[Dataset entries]
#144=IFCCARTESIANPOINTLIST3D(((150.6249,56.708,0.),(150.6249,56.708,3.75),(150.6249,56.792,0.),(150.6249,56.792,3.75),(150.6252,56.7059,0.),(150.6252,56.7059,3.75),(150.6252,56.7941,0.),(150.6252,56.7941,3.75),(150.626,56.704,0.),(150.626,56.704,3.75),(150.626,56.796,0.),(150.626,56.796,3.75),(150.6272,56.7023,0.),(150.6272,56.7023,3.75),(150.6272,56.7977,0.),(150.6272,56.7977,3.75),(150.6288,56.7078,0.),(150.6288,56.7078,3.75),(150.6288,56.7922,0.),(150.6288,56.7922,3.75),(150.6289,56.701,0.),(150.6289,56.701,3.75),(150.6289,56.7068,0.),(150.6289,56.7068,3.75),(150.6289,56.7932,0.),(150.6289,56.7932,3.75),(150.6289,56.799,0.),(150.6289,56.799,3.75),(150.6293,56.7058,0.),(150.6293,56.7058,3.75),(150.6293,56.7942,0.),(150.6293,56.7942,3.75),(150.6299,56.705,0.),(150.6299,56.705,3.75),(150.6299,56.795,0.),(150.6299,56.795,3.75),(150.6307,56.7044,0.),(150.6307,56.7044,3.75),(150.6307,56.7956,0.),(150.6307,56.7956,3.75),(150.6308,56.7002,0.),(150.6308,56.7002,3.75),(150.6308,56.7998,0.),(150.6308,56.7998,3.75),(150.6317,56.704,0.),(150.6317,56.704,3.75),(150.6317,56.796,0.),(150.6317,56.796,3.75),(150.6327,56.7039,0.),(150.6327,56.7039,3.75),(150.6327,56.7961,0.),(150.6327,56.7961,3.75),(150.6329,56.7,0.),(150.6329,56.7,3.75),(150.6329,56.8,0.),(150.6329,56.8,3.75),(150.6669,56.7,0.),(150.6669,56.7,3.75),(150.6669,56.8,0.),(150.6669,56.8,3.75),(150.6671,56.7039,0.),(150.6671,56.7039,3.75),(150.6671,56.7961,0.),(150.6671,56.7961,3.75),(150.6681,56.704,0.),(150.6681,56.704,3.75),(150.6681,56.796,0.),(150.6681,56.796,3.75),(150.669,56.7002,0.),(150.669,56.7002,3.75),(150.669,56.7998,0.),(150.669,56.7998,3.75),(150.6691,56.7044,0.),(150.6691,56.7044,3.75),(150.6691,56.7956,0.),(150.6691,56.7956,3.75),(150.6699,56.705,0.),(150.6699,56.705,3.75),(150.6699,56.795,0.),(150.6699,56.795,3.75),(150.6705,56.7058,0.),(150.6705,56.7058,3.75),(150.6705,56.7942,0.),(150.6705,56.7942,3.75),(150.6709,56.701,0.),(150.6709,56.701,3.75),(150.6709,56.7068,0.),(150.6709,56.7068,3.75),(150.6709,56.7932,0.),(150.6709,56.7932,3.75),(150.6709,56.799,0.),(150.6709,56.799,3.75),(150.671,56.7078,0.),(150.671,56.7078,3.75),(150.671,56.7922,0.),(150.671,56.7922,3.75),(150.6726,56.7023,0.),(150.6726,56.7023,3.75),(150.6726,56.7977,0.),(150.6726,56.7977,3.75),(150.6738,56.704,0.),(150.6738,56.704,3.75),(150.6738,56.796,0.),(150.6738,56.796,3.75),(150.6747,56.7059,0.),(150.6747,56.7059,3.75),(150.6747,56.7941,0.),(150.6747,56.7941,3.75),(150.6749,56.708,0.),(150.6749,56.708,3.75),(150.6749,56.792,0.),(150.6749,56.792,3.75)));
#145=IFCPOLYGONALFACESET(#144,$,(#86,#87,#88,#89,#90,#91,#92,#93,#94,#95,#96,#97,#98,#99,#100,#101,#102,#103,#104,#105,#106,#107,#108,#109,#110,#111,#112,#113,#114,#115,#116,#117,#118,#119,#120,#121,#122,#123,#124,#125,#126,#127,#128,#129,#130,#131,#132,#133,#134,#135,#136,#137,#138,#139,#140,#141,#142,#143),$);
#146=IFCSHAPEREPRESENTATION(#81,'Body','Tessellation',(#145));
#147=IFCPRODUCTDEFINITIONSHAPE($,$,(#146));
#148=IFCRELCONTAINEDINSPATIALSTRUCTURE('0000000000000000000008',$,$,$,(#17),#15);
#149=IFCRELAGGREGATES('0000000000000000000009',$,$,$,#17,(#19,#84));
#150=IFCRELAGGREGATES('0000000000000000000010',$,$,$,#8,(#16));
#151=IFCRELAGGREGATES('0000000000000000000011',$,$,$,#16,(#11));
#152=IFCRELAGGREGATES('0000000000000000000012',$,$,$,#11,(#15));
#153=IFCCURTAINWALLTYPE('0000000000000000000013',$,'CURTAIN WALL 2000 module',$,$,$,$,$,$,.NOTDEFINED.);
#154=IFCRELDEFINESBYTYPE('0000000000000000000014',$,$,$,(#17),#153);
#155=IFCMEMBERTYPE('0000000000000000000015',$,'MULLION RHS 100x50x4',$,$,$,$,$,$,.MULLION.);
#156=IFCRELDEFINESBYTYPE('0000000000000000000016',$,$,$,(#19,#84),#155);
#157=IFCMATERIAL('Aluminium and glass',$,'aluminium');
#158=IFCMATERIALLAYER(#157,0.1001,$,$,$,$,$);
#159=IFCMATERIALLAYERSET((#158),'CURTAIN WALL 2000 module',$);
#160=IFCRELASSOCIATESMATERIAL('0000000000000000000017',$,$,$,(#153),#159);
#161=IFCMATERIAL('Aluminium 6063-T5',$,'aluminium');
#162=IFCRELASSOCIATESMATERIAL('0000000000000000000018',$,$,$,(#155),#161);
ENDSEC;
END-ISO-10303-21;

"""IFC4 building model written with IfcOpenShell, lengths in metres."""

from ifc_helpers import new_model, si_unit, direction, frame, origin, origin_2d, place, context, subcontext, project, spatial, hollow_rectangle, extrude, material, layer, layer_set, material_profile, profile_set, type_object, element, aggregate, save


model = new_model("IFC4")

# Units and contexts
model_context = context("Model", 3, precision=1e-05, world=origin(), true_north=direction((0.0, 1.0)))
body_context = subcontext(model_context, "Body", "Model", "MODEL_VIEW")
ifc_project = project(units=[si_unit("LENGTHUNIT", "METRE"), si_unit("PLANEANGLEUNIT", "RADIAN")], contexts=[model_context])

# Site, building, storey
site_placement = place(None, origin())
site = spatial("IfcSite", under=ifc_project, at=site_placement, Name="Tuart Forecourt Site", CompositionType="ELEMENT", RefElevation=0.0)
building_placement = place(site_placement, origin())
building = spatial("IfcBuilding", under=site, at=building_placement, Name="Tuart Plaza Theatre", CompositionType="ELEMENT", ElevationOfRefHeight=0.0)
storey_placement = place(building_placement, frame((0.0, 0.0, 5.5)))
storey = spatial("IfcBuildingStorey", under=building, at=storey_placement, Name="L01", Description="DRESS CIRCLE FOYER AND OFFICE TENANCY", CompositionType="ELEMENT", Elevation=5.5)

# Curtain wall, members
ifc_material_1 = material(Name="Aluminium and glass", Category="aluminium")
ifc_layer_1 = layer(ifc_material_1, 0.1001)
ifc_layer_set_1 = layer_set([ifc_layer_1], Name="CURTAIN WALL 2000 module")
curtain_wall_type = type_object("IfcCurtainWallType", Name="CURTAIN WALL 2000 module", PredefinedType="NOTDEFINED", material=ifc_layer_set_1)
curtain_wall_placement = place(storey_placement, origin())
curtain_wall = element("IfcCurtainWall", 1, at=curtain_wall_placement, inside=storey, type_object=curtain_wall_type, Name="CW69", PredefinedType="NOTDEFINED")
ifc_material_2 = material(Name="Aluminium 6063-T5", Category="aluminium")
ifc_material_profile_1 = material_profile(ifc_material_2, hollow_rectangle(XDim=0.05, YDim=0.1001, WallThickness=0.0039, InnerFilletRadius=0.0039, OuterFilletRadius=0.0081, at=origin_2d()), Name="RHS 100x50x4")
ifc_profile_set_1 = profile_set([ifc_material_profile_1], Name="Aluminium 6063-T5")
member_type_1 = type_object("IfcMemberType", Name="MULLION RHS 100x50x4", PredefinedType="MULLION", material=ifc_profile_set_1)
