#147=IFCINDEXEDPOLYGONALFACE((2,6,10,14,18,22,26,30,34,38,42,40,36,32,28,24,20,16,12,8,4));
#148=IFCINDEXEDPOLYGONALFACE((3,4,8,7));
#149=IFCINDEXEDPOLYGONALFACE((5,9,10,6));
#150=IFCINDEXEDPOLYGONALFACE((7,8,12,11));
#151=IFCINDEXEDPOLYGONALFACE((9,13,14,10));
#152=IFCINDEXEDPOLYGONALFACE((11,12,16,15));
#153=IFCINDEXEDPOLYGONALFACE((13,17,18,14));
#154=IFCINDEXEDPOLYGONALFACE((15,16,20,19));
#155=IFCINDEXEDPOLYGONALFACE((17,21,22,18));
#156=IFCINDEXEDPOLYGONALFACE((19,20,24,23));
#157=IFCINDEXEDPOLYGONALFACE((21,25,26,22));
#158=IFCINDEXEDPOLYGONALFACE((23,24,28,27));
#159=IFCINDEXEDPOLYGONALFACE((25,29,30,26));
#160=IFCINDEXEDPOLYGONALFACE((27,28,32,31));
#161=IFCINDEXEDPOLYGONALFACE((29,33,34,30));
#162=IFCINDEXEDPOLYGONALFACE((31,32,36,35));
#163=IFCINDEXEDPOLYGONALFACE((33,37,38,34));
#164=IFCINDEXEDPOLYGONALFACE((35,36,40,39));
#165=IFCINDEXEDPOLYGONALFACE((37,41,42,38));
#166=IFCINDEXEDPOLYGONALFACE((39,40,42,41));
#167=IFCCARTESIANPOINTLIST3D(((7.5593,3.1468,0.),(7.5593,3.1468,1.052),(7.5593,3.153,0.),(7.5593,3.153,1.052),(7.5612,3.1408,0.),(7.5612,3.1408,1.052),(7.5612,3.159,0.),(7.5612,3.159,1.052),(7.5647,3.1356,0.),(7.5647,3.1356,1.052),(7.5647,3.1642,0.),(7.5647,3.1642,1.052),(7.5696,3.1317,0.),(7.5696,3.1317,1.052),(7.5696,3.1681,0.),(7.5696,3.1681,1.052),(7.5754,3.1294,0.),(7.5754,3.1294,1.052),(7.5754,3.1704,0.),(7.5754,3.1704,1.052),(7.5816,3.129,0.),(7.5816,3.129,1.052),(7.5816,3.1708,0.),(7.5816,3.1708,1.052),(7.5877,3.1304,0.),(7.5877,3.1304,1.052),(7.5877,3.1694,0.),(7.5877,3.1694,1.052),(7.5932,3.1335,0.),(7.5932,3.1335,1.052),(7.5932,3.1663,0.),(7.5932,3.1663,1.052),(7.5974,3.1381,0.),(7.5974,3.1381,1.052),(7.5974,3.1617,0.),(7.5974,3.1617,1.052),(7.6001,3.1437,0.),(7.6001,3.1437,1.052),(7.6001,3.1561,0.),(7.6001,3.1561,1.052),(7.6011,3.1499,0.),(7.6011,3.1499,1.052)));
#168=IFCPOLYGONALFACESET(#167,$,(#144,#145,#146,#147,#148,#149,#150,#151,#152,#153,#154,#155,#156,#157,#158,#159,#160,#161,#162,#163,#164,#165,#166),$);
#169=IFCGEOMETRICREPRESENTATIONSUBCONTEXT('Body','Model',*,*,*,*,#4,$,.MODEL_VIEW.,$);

Problem to solve> The number of lines above where the word "Body" occurs, and only that number, is the answer.

Solution to this exercise> 3